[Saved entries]
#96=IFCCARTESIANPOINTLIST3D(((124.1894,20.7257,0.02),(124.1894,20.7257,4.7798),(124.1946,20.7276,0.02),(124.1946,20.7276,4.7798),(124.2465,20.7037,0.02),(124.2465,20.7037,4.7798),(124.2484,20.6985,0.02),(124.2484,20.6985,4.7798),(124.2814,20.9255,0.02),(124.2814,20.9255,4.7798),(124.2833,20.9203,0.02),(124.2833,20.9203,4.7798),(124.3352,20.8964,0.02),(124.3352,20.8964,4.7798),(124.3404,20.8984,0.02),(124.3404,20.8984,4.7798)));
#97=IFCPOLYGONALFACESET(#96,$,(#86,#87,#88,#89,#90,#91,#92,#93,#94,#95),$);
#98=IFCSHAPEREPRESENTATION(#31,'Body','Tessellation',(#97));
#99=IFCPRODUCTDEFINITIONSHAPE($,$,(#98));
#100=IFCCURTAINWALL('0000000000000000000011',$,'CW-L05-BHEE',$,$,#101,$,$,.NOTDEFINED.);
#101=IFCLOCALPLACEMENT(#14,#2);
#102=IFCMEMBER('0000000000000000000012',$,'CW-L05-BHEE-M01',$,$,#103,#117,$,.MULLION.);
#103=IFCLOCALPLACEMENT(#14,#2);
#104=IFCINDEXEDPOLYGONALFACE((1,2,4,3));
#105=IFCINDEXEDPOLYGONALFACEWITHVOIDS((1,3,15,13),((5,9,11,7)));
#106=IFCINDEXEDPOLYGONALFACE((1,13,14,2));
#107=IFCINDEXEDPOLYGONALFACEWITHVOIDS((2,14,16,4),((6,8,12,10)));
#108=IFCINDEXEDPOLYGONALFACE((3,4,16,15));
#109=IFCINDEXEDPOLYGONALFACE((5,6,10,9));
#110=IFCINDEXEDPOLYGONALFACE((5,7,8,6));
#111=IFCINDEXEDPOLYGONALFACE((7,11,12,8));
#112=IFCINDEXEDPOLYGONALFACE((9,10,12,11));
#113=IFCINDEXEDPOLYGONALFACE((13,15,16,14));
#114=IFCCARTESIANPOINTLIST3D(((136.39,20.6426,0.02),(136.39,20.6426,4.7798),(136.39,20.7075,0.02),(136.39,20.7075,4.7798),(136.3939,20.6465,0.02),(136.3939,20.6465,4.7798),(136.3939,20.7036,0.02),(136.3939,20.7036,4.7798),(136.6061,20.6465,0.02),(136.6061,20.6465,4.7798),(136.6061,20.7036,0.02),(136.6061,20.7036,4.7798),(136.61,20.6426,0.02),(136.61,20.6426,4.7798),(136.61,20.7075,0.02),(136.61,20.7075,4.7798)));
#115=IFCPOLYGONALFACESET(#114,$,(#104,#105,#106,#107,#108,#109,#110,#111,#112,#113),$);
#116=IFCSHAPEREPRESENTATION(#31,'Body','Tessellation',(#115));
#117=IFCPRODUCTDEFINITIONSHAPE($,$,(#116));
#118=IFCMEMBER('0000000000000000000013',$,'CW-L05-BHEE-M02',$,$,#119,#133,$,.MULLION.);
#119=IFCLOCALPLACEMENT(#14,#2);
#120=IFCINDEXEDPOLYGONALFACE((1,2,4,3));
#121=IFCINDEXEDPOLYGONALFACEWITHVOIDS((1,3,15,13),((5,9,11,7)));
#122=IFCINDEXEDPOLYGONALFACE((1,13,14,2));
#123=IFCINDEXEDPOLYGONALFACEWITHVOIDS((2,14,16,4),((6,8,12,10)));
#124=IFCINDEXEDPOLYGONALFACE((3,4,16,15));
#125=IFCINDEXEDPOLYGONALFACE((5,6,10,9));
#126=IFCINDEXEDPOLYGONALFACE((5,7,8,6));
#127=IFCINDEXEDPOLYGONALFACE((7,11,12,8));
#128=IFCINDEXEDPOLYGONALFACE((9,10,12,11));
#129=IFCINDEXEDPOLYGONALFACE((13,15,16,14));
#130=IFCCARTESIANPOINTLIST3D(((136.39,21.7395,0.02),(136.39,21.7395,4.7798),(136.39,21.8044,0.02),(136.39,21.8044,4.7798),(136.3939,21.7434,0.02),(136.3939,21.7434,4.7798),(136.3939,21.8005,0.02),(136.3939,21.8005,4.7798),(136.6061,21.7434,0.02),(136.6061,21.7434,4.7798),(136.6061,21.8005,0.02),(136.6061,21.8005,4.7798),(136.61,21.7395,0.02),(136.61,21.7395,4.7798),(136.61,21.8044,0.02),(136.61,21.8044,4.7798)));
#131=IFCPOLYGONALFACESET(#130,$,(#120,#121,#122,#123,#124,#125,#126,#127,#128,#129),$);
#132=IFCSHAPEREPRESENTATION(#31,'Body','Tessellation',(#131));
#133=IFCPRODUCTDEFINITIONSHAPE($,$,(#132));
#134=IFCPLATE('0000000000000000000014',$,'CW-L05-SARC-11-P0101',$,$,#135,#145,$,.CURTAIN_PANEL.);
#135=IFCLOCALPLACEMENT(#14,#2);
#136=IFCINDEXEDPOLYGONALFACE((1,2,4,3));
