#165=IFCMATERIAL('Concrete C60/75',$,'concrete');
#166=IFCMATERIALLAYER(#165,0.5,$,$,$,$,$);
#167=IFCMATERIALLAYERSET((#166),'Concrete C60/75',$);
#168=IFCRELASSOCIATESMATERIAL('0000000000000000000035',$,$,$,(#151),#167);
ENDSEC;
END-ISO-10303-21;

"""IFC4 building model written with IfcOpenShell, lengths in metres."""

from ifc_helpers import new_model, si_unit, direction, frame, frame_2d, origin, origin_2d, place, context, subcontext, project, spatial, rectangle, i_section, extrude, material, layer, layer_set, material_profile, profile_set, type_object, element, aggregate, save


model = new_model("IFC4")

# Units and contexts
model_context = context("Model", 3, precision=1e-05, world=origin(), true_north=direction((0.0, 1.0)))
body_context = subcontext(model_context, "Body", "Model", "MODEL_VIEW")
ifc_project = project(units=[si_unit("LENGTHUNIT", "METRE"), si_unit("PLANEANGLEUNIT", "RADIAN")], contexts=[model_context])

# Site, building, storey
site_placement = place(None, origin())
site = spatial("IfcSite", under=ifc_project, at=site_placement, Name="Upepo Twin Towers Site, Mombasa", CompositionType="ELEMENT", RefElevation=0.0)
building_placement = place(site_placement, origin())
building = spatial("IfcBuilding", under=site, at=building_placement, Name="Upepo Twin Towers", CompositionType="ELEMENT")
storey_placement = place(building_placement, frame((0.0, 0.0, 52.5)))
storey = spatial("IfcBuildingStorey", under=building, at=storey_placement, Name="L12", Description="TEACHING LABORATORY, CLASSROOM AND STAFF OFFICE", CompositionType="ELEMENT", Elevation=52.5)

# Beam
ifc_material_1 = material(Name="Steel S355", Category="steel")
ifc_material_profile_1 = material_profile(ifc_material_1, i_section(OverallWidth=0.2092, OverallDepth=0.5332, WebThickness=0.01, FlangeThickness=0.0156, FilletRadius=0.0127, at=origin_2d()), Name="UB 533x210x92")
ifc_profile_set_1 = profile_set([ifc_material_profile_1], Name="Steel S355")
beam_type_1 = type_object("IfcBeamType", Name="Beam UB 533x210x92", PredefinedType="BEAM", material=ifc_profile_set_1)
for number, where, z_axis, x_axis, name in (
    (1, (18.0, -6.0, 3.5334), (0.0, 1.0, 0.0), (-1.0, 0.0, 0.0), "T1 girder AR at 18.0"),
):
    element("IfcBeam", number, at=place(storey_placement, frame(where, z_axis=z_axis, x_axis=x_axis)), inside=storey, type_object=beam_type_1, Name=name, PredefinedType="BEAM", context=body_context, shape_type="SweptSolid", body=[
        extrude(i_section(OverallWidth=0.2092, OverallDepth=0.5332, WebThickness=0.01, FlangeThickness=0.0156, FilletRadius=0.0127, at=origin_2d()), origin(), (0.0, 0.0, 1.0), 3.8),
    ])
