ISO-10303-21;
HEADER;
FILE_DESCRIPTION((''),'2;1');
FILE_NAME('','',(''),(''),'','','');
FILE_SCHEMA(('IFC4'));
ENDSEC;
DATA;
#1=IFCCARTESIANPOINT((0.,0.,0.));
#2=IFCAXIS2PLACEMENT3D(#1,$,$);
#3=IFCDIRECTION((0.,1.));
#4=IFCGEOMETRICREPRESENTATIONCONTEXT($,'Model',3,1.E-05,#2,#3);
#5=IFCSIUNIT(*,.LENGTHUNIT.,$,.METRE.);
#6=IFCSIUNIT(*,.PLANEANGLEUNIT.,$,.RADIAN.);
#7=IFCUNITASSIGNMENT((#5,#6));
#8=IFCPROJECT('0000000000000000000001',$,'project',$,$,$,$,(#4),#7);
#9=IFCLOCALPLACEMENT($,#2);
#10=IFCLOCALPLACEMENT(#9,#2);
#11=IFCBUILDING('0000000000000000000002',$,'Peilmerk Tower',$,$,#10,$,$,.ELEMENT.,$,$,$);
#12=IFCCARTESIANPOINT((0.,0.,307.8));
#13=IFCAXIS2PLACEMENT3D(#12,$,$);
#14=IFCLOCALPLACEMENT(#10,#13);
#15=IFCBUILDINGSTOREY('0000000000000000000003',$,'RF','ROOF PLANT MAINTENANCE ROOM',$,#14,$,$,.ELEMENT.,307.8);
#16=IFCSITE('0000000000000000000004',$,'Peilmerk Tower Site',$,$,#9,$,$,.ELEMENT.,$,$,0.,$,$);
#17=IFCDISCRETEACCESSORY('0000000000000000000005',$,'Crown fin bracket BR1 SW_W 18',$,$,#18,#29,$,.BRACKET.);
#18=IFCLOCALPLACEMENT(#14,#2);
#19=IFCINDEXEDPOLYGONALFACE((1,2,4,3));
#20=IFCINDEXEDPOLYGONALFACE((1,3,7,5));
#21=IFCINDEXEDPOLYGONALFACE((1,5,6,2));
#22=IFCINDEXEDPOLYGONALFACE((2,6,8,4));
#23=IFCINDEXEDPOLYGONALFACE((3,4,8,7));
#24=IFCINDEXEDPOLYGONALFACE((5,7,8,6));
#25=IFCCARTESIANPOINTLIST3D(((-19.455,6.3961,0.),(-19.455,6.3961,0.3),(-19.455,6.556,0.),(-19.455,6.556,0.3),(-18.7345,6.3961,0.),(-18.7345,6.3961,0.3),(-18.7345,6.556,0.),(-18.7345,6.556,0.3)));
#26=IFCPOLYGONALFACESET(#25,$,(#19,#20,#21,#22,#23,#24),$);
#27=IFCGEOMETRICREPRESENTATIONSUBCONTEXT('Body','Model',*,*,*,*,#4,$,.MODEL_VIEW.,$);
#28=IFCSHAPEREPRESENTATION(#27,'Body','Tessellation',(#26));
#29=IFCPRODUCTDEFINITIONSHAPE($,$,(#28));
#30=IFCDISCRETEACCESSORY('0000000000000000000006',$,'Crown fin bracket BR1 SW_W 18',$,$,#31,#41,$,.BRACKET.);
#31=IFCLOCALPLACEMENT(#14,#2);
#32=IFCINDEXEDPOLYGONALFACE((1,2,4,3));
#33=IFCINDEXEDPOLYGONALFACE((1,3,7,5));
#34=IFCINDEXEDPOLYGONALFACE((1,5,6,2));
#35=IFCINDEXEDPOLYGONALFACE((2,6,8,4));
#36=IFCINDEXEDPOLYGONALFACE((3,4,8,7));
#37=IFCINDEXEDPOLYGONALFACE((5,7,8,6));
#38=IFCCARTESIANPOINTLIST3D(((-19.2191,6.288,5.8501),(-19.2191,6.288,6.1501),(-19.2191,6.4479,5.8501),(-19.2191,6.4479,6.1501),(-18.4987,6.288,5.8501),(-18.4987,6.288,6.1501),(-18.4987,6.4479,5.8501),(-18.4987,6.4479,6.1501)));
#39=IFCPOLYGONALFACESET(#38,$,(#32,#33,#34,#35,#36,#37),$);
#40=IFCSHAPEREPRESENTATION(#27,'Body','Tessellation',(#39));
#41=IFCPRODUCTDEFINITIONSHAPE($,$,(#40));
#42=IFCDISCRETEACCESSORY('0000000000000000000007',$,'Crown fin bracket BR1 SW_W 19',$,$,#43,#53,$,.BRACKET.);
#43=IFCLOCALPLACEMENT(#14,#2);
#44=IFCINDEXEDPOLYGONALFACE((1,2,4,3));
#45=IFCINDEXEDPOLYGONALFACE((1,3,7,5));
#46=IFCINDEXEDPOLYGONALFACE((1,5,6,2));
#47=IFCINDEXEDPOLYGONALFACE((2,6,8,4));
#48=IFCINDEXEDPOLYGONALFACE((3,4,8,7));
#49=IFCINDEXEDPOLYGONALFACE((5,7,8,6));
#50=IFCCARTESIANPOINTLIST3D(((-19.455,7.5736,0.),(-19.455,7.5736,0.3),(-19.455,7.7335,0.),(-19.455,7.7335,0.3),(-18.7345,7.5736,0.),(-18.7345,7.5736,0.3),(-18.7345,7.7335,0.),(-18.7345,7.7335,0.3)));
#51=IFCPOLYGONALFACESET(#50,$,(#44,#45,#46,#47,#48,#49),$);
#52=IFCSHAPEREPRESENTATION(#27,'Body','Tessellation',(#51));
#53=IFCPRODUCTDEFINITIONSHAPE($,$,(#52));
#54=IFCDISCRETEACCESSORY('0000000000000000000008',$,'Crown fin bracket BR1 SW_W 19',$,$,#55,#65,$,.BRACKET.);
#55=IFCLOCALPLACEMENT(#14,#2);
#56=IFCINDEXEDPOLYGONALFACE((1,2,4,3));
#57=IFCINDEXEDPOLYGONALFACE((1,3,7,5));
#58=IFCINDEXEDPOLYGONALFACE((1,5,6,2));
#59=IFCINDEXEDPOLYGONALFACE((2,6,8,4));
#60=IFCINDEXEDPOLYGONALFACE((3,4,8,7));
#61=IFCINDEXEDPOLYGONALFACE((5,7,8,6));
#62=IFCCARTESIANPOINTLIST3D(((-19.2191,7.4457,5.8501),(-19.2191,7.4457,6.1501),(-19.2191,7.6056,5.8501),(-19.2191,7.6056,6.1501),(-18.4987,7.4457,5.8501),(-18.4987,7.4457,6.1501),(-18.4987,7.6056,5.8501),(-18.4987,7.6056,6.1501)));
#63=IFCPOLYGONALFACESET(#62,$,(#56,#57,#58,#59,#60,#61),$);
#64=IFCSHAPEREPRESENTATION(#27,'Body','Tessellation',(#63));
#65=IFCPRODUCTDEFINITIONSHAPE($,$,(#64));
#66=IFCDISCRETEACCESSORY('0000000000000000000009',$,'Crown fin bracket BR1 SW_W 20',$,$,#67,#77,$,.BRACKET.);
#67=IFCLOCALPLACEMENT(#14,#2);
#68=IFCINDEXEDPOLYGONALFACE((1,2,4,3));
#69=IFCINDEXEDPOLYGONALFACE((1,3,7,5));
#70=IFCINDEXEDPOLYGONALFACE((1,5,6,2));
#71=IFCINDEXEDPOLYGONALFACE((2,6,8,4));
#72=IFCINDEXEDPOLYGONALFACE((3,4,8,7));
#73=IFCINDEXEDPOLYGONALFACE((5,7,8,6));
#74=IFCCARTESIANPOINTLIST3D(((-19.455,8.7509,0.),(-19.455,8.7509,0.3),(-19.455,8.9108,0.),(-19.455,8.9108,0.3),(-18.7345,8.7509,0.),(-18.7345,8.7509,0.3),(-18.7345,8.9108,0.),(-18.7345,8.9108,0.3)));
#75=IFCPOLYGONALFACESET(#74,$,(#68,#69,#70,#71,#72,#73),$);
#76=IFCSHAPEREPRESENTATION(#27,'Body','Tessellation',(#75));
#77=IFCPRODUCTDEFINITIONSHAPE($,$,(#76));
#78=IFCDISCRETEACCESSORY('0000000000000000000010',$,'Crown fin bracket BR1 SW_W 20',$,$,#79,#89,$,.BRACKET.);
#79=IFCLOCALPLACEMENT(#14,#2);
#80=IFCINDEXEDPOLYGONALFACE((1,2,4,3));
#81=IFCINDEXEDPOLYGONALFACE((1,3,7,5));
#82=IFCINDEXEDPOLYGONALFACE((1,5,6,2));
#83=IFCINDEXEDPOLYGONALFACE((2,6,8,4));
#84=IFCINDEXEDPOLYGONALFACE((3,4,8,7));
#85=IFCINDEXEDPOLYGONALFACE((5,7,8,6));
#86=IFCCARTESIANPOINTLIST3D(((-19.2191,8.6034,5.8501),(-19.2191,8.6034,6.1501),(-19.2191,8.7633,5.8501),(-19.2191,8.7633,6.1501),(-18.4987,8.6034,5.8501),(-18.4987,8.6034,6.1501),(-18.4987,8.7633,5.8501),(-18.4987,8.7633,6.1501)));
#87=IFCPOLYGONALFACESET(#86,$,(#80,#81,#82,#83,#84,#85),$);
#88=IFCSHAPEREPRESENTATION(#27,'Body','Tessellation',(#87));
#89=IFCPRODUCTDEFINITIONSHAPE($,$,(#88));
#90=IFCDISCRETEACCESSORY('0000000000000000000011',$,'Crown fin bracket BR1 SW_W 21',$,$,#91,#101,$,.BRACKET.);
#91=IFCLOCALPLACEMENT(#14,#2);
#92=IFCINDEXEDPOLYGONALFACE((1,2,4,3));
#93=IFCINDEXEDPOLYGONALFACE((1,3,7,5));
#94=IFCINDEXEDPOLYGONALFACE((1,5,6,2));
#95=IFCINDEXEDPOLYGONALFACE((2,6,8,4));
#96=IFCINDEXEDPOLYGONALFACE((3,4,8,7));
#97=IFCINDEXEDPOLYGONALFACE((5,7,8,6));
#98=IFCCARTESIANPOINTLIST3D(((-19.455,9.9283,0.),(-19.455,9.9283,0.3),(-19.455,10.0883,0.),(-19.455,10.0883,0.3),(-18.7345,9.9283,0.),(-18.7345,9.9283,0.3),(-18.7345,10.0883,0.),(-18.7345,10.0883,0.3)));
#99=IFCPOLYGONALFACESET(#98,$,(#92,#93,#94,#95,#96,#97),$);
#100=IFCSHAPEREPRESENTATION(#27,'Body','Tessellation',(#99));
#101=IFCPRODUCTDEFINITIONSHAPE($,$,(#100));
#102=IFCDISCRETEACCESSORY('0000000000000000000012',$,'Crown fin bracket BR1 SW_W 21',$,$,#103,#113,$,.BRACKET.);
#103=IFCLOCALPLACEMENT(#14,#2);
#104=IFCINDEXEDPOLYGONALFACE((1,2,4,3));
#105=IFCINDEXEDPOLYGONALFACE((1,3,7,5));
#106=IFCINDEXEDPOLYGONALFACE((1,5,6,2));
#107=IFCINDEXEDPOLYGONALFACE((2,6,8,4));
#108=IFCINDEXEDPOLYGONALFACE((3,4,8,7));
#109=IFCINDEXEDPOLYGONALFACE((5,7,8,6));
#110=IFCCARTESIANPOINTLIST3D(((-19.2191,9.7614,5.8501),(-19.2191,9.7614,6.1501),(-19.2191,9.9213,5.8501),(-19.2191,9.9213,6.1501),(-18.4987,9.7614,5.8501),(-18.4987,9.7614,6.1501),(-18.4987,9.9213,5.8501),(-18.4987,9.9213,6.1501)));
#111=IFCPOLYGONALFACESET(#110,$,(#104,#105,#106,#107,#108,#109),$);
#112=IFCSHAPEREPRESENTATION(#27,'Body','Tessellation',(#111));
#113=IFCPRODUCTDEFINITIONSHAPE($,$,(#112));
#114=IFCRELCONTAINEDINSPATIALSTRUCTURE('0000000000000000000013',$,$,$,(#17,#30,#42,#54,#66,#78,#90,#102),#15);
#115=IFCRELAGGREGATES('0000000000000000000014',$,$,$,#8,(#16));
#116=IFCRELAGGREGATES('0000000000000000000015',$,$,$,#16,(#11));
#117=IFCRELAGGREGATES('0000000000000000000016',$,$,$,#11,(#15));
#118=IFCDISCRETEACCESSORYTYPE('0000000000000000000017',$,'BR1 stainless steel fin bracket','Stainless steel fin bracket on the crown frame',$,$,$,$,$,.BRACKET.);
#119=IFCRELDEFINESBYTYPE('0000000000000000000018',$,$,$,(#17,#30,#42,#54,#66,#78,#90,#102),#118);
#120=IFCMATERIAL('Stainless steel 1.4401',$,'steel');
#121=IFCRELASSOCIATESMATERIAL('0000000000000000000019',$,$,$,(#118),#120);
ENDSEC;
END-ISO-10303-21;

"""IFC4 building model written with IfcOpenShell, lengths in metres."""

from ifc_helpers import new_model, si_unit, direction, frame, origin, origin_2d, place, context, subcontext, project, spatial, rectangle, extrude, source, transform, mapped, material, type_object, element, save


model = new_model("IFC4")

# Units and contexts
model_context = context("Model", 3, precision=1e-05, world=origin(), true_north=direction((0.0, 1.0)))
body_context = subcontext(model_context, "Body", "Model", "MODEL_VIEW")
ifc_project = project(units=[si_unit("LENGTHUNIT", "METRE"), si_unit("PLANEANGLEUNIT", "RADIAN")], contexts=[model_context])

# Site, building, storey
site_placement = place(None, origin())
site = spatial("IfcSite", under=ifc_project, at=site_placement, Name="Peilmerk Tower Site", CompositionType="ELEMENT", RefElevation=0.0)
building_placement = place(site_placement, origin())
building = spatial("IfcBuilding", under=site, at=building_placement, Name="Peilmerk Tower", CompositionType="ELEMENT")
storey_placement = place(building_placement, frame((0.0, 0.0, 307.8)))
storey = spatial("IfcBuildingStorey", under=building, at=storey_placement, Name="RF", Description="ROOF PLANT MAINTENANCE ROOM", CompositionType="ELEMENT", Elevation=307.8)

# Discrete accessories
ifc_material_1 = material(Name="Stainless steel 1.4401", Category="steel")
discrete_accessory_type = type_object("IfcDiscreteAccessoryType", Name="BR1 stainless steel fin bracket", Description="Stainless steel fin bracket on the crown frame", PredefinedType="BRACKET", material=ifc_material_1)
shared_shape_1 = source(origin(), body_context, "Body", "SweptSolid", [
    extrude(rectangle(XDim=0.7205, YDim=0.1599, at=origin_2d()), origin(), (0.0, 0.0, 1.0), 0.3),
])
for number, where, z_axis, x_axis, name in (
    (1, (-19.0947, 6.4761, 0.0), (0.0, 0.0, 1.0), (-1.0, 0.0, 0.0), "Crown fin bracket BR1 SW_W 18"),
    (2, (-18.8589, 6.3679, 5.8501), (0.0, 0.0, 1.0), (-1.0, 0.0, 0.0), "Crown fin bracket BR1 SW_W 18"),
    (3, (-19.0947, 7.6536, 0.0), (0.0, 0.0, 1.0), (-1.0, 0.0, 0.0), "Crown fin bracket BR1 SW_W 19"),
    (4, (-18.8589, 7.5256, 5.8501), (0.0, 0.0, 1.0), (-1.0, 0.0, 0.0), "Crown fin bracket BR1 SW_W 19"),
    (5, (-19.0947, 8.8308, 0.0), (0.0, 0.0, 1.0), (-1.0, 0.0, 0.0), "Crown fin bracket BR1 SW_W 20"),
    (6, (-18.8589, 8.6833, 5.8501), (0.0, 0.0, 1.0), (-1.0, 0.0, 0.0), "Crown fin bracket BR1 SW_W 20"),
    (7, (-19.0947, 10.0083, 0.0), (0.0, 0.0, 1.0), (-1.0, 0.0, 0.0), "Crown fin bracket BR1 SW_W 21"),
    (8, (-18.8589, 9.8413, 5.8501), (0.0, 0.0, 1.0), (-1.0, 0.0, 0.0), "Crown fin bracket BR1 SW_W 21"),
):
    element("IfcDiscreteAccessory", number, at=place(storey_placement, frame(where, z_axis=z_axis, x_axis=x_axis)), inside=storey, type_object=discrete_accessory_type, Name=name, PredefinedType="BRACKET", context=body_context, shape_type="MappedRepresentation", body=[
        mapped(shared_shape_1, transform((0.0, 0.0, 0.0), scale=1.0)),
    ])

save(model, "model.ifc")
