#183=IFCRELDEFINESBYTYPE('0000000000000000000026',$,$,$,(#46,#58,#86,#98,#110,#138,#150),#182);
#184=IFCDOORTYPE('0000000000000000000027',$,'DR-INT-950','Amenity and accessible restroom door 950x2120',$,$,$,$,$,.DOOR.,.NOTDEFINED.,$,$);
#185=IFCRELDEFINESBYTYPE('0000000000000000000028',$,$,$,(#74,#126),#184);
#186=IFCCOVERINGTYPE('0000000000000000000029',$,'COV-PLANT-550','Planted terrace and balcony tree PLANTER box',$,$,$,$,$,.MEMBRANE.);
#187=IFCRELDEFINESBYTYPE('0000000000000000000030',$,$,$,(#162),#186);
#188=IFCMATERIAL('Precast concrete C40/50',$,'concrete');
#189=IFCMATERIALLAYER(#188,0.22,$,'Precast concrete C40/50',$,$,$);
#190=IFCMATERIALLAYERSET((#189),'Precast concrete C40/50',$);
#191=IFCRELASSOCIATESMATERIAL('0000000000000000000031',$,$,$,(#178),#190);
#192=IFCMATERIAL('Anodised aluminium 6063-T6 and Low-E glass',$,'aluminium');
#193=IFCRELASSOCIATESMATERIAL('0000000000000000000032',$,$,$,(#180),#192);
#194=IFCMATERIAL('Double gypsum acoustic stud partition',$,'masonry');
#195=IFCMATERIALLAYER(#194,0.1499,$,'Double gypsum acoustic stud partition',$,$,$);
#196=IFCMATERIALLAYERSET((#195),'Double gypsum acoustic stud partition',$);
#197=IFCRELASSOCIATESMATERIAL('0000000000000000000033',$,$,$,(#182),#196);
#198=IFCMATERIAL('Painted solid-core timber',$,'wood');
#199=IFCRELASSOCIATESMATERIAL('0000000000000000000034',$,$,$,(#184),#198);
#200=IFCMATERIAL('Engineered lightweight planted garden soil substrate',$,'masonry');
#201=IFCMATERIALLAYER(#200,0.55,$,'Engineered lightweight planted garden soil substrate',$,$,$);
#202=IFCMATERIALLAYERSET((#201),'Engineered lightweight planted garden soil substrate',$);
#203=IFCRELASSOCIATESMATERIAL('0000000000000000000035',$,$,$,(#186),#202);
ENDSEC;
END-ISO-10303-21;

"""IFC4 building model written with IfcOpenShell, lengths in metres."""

=== Your assignment ===
Your answer should be one number, the count of lines in the entries holding the string "partition".

=== Response ===
3